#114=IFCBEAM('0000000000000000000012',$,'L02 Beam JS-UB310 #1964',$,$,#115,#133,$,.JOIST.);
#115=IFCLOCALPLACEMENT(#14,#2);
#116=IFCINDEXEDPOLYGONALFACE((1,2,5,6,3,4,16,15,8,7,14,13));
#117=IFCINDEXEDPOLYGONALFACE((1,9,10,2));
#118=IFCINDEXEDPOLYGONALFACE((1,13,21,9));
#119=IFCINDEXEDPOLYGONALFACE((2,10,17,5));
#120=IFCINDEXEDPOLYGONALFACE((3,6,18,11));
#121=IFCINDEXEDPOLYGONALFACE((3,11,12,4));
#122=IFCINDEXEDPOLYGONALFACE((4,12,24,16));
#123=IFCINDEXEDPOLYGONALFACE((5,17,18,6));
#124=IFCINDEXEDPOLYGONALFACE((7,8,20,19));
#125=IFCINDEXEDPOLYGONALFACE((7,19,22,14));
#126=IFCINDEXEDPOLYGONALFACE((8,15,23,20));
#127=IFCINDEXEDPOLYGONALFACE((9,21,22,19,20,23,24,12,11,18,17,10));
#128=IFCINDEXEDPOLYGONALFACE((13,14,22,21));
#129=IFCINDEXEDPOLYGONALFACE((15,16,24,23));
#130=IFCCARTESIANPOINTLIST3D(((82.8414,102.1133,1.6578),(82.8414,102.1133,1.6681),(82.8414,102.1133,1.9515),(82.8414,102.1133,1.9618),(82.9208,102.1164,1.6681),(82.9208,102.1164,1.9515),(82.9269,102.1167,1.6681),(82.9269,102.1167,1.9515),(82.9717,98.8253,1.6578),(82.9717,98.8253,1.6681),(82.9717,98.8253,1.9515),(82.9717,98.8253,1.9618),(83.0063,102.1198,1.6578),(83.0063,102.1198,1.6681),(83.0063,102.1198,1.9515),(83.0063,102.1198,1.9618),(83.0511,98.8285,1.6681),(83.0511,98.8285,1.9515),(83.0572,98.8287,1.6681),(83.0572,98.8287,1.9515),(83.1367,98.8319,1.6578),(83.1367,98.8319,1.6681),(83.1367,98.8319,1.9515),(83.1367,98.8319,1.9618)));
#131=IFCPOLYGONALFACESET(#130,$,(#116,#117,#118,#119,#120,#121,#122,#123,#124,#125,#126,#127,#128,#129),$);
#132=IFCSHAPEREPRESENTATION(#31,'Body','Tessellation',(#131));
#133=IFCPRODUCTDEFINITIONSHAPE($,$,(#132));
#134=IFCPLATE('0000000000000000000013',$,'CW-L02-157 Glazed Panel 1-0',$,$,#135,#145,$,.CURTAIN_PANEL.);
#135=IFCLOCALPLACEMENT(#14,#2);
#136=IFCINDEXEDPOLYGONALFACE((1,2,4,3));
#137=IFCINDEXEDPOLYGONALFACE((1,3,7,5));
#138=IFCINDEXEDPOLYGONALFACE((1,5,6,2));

**YOUR ASSIGNMENT:**
Your answer should be the full listing, copied exactly.

**SOLUTION FOR THIS PROBLEM:**
#114=IFCBEAM('0000000000000000000012',$,'L02 Beam JS-UB310 #1964',$,$,#115,#133,$,.JOIST.);
#115=IFCLOCALPLACEMENT(#14,#2);
#116=IFCINDEXEDPOLYGONALFACE((1,2,5,6,3,4,16,15,8,7,14,13));
#117=IFCINDEXEDPOLYGONALFACE((1,9,10,2));
#118=IFCINDEXEDPOLYGONALFACE((1,13,21,9));
#119=IFCINDEXEDPOLYGONALFACE((2,10,17,5));
#120=IFCINDEXEDPOLYGONALFACE((3,6,18,11));
#121=IFCINDEXEDPOLYGONALFACE((3,11,12,4));
#122=IFCINDEXEDPOLYGONALFACE((4,12,24,16));
#123=IFCINDEXEDPOLYGONALFACE((5,17,18,6));
#124=IFCINDEXEDPOLYGONALFACE((7,8,20,19));
#125=IFCINDEXEDPOLYGONALFACE((7,19,22,14));
#126=IFCINDEXEDPOLYGONALFACE((8,15,23,20));
#127=IFCINDEXEDPOLYGONALFACE((9,21,22,19,20,23,24,12,11,18,17,10));
#128=IFCINDEXEDPOLYGONALFACE((13,14,22,21));
#129=IFCINDEXEDPOLYGONALFACE((15,16,24,23));
#130=IFCCARTESIANPOINTLIST3D(((82.8414,102.1133,1.6578),(82.8414,102.1133,1.6681),(82.8414,102.1133,1.9515),(82.8414,102.1133,1.9618),(82.9208,102.1164,1.6681),(82.9208,102.1164,1.9515),(82.9269,102.1167,1.6681),(82.9269,102.1167,1.9515),(82.9717,98.8253,1.6578),(82.9717,98.8253,1.6681),(82.9717,98.8253,1.9515),(82.9717,98.8253,1.9618),(83.0063,102.1198,1.6578),(83.0063,102.1198,1.6681),(83.0063,102.1198,1.9515),(83.0063,102.1198,1.9618),(83.0511,98.8285,1.6681),(83.0511,98.8285,1.9515),(83.0572,98.8287,1.6681),(83.0572,98.8287,1.9515),(83.1367,98.8319,1.6578),(83.1367,98.8319,1.6681),(83.1367,98.8319,1.9515),(83.1367,98.8319,1.9618)));
#131=IFCPOLYGONALFACESET(#130,$,(#116,#117,#118,#119,#120,#121,#122,#123,#124,#125,#126,#127,#128,#129),$);
#132=IFCSHAPEREPRESENTATION(#31,'Body','Tessellation',(#131));
#133=IFCPRODUCTDEFINITIONSHAPE($,$,(#132));
#134=IFCPLATE('0000000000000000000013',$,'CW-L02-157 Glazed Panel 1-0',$,$,#135,#145,$,.CURTAIN_PANEL.);
#135=IFCLOCALPLACEMENT(#14,#2);
#136=IFCINDEXEDPOLYGONALFACE((1,2,4,3));
#137=IFCINDEXEDPOLYGONALFACE((1,3,7,5));
#138=IFCINDEXEDPOLYGONALFACE((1,5,6,2));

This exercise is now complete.